* ACTIVITY *
From the entries that follow, reproduce exactly and only the lines from the line with "FILE_DESCRIPTION((''),'2;1');" to the line with "#13=IFCAXIS2PLACEMENT3D(#12,$,$);", endpoints included.

(Data entries)
:::::

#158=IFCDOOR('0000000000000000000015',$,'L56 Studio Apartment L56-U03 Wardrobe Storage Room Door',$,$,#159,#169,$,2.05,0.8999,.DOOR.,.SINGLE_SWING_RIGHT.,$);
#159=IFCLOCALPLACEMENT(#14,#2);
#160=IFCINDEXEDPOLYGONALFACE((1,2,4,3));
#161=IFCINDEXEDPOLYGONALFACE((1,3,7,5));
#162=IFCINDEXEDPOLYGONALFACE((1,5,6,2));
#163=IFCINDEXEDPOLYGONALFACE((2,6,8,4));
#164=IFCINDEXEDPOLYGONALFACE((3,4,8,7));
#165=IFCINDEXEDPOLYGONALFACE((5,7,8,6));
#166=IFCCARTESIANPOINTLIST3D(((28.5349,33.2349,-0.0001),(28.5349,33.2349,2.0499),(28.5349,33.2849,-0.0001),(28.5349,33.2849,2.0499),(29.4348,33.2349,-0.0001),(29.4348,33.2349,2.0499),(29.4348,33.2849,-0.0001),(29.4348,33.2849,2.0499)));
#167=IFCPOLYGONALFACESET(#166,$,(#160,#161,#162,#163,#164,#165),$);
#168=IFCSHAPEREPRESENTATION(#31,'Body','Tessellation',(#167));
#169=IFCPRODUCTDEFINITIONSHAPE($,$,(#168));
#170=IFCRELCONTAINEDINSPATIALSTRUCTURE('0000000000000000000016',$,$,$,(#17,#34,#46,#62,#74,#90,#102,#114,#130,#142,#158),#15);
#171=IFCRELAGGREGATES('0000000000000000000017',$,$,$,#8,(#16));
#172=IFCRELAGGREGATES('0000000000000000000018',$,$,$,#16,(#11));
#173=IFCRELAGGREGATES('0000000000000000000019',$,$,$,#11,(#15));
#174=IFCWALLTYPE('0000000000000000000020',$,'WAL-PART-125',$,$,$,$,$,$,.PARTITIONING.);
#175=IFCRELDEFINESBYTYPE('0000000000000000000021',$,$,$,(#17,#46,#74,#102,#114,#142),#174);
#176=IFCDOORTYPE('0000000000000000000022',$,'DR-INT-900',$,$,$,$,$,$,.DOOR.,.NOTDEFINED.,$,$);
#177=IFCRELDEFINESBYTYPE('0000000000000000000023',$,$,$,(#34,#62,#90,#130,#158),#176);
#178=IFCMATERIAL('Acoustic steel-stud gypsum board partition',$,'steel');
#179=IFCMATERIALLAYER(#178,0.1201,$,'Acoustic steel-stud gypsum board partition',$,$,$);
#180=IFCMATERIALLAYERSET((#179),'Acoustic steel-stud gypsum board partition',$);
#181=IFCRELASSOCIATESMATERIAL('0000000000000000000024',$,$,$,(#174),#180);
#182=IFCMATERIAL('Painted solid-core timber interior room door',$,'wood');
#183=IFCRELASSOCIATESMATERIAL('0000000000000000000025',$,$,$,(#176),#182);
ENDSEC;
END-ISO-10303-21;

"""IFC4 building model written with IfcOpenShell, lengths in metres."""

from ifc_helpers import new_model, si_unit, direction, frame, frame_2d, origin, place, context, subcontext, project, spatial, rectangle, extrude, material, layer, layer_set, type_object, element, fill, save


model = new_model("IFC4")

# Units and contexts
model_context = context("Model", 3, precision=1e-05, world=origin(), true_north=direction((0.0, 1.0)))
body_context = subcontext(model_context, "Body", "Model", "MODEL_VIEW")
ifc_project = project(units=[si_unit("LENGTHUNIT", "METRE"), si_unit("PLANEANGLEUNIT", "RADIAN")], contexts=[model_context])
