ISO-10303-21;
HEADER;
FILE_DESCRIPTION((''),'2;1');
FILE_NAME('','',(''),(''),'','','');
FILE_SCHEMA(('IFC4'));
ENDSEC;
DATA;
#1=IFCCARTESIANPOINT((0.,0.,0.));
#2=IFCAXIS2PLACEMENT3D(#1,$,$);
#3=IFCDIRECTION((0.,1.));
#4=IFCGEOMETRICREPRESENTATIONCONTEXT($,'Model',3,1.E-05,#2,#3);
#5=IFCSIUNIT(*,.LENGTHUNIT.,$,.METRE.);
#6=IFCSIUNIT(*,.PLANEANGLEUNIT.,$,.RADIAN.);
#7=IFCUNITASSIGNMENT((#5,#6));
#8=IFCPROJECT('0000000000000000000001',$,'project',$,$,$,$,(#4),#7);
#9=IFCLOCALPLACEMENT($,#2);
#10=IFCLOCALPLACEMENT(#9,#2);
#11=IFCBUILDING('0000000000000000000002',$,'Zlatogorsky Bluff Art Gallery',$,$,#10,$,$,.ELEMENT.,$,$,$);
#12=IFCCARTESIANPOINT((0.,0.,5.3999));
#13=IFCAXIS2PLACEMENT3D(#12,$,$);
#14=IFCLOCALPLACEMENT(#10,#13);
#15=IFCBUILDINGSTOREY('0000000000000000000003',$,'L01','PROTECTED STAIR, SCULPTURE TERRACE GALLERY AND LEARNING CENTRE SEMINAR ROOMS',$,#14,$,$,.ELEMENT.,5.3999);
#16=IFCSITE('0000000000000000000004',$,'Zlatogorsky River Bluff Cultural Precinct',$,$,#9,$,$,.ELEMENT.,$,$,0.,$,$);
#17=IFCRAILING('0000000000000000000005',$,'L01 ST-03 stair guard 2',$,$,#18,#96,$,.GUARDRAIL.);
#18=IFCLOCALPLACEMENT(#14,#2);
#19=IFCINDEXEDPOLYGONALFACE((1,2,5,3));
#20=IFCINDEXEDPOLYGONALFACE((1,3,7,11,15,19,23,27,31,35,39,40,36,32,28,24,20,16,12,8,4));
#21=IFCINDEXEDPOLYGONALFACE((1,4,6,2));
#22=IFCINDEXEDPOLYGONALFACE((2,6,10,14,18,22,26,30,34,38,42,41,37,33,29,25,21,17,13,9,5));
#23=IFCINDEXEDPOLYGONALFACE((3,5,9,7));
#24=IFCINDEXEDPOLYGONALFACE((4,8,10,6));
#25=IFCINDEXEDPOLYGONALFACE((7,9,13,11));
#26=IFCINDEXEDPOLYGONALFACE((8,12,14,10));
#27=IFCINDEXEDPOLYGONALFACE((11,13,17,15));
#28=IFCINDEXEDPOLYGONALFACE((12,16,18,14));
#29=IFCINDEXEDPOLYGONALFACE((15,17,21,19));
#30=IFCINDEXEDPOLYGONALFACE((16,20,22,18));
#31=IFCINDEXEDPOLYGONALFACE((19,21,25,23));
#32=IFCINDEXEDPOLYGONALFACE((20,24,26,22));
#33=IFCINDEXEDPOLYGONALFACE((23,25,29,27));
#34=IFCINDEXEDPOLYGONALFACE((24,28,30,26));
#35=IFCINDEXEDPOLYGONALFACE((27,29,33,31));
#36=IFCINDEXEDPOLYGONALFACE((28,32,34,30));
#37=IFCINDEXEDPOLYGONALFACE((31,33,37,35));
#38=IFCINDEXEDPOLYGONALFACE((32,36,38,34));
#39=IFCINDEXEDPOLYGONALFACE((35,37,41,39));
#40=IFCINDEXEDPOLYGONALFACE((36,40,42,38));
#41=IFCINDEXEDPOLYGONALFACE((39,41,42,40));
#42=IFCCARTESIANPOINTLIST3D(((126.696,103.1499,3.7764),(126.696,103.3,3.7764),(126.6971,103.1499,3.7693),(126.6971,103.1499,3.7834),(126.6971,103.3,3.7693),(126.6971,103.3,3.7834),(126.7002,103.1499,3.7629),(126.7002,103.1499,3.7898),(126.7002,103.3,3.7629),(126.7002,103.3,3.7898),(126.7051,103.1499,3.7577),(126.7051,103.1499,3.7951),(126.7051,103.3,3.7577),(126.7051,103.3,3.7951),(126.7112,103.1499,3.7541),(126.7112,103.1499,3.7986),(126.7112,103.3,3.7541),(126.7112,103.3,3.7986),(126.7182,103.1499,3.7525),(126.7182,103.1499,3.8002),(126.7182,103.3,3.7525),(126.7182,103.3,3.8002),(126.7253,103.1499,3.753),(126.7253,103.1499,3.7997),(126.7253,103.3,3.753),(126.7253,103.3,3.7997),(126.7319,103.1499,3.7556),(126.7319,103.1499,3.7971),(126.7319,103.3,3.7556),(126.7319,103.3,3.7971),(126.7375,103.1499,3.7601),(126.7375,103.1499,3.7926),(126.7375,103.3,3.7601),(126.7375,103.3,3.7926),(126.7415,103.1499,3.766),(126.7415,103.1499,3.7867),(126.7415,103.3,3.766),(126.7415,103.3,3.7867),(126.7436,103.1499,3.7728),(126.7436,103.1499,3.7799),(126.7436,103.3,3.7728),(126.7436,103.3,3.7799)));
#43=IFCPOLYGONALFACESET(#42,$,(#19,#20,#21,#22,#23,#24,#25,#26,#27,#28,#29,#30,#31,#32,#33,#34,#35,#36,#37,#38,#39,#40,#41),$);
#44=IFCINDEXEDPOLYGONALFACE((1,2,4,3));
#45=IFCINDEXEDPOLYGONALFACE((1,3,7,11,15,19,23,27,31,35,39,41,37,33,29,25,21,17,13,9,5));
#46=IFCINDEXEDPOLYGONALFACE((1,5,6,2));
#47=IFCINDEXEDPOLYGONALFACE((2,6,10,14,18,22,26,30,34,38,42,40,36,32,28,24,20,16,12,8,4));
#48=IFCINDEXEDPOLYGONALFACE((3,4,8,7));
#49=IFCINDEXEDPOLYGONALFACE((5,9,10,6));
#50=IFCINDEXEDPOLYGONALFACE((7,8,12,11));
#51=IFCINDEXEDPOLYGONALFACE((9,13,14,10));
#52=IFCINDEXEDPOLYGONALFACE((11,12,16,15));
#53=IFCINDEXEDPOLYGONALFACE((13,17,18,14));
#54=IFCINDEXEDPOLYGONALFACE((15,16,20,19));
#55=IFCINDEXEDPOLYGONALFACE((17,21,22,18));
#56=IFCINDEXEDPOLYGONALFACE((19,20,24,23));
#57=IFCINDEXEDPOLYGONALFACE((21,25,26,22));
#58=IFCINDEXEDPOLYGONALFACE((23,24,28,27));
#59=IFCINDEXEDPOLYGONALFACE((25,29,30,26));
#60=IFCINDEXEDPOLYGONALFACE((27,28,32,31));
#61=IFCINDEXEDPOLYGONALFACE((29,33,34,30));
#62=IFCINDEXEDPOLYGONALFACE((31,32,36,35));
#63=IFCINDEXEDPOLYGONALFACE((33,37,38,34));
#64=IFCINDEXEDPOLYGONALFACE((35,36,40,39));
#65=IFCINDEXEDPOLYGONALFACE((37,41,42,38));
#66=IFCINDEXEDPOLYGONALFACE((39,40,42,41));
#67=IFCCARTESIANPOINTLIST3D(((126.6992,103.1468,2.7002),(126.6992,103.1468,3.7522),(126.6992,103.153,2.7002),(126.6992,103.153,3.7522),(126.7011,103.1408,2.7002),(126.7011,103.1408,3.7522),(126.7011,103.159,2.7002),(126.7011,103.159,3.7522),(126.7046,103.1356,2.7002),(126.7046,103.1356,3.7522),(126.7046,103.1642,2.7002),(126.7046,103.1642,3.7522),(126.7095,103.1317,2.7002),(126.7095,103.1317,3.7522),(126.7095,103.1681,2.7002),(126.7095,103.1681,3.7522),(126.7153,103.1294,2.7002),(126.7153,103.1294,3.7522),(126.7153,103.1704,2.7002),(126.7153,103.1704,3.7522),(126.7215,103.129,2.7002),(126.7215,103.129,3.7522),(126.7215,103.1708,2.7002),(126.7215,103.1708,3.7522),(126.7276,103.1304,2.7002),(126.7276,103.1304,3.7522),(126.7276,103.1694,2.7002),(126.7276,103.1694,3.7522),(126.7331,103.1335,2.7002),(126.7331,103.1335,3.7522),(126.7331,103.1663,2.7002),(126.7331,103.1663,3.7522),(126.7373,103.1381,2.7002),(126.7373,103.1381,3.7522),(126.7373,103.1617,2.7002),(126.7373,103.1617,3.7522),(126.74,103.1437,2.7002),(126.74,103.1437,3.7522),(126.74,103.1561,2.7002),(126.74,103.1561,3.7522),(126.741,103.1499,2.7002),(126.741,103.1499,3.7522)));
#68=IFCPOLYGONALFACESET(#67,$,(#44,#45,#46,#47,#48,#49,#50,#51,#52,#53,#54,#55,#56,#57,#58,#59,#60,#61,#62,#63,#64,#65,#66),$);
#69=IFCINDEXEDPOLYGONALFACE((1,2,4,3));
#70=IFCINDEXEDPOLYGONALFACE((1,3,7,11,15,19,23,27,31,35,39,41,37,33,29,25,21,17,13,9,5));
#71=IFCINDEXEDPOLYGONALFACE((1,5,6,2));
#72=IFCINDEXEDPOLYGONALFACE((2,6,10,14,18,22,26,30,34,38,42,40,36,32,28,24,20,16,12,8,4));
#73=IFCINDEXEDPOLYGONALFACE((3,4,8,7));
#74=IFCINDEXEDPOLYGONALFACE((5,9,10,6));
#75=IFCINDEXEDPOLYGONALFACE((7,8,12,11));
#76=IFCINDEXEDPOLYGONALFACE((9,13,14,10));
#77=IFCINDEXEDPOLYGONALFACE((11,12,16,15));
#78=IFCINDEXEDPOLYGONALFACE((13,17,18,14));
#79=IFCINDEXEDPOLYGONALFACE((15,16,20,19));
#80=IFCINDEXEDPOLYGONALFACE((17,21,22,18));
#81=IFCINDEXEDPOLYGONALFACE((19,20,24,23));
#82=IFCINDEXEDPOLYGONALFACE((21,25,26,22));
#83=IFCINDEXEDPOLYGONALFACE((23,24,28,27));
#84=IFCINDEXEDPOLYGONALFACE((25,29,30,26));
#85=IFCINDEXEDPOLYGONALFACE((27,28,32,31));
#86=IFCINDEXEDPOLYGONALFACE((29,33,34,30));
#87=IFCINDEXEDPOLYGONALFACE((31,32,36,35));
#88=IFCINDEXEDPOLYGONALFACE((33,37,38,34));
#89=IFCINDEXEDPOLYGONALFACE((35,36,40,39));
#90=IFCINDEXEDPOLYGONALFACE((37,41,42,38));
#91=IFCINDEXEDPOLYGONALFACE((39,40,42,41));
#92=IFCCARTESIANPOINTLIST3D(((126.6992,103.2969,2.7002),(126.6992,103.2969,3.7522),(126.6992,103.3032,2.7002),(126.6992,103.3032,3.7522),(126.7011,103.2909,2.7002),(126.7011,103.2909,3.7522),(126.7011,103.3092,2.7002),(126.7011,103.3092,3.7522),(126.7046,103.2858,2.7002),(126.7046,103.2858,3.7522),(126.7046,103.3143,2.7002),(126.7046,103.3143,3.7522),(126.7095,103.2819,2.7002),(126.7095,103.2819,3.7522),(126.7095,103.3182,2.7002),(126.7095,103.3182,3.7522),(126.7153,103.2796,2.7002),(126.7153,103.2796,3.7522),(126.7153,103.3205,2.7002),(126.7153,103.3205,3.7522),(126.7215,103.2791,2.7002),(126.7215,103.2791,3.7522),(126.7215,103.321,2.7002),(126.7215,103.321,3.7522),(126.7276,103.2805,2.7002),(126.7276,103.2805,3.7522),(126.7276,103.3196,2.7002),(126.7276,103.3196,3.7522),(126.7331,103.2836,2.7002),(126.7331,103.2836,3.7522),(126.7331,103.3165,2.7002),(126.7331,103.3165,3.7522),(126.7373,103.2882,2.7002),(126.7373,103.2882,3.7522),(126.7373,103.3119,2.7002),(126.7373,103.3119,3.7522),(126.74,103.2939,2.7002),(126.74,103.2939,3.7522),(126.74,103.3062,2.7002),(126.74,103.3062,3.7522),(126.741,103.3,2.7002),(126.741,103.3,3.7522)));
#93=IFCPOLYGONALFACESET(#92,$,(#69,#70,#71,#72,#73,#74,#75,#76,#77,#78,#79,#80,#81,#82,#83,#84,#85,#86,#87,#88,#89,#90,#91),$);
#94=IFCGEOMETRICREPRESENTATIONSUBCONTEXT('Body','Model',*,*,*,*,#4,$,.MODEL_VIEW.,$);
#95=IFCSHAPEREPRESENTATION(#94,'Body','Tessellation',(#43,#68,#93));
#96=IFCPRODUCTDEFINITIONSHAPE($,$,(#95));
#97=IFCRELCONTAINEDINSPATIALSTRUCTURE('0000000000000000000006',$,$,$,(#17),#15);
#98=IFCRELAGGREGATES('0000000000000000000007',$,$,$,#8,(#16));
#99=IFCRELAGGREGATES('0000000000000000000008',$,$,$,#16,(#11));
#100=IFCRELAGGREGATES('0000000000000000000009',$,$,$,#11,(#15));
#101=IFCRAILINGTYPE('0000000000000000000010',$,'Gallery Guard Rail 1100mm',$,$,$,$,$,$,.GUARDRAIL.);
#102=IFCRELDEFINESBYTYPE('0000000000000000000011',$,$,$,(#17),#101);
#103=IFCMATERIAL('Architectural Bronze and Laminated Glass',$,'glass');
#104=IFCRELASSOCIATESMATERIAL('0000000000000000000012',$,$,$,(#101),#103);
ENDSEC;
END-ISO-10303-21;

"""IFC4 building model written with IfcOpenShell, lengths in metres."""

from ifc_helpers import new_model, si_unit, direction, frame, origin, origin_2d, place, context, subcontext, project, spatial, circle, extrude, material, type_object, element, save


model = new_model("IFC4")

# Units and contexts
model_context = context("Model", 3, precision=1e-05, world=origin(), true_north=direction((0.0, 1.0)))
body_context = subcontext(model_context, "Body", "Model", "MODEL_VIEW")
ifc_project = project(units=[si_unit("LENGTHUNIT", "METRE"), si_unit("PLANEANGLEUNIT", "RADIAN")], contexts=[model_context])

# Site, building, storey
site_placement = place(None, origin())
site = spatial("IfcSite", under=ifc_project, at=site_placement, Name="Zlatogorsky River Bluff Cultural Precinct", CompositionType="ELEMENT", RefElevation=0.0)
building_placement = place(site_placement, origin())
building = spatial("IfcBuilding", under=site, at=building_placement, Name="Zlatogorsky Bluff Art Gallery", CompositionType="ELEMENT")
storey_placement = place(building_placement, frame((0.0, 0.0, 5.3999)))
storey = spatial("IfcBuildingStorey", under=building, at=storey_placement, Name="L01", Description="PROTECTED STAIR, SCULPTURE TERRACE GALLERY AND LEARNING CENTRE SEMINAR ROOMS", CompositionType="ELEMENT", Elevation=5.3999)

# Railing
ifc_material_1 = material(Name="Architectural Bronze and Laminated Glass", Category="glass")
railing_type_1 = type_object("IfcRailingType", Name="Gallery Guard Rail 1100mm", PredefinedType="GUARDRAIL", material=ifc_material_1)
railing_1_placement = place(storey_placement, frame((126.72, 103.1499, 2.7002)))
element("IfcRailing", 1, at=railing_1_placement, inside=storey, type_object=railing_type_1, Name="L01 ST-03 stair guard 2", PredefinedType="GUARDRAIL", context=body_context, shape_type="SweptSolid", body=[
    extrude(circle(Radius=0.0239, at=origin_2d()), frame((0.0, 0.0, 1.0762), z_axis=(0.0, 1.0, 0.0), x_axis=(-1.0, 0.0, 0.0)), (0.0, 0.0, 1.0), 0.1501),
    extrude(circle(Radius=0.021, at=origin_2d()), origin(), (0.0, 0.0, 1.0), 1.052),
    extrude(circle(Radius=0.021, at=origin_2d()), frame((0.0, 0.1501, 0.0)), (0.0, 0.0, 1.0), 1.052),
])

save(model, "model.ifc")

:::::

* RESULT *
FILE_DESCRIPTION((''),'2;1');
FILE_NAME('','',(''),(''),'','','');
FILE_SCHEMA(('IFC4'));
ENDSEC;
DATA;
#1=IFCCARTESIANPOINT((0.,0.,0.));
#2=IFCAXIS2PLACEMENT3D(#1,$,$);
#3=IFCDIRECTION((0.,1.));
#4=IFCGEOMETRICREPRESENTATIONCONTEXT($,'Model',3,1.E-05,#2,#3);
#5=IFCSIUNIT(*,.LENGTHUNIT.,$,.METRE.);
#6=IFCSIUNIT(*,.PLANEANGLEUNIT.,$,.RADIAN.);
#7=IFCUNITASSIGNMENT((#5,#6));
#8=IFCPROJECT('0000000000000000000001',$,'project',$,$,$,$,(#4),#7);
#9=IFCLOCALPLACEMENT($,#2);
#10=IFCLOCALPLACEMENT(#9,#2);
#11=IFCBUILDING('0000000000000000000002',$,'Zlatogorsky Bluff Art Gallery',$,$,#10,$,$,.ELEMENT.,$,$,$);
#12=IFCCARTESIANPOINT((0.,0.,5.3999));
#13=IFCAXIS2PLACEMENT3D(#12,$,$);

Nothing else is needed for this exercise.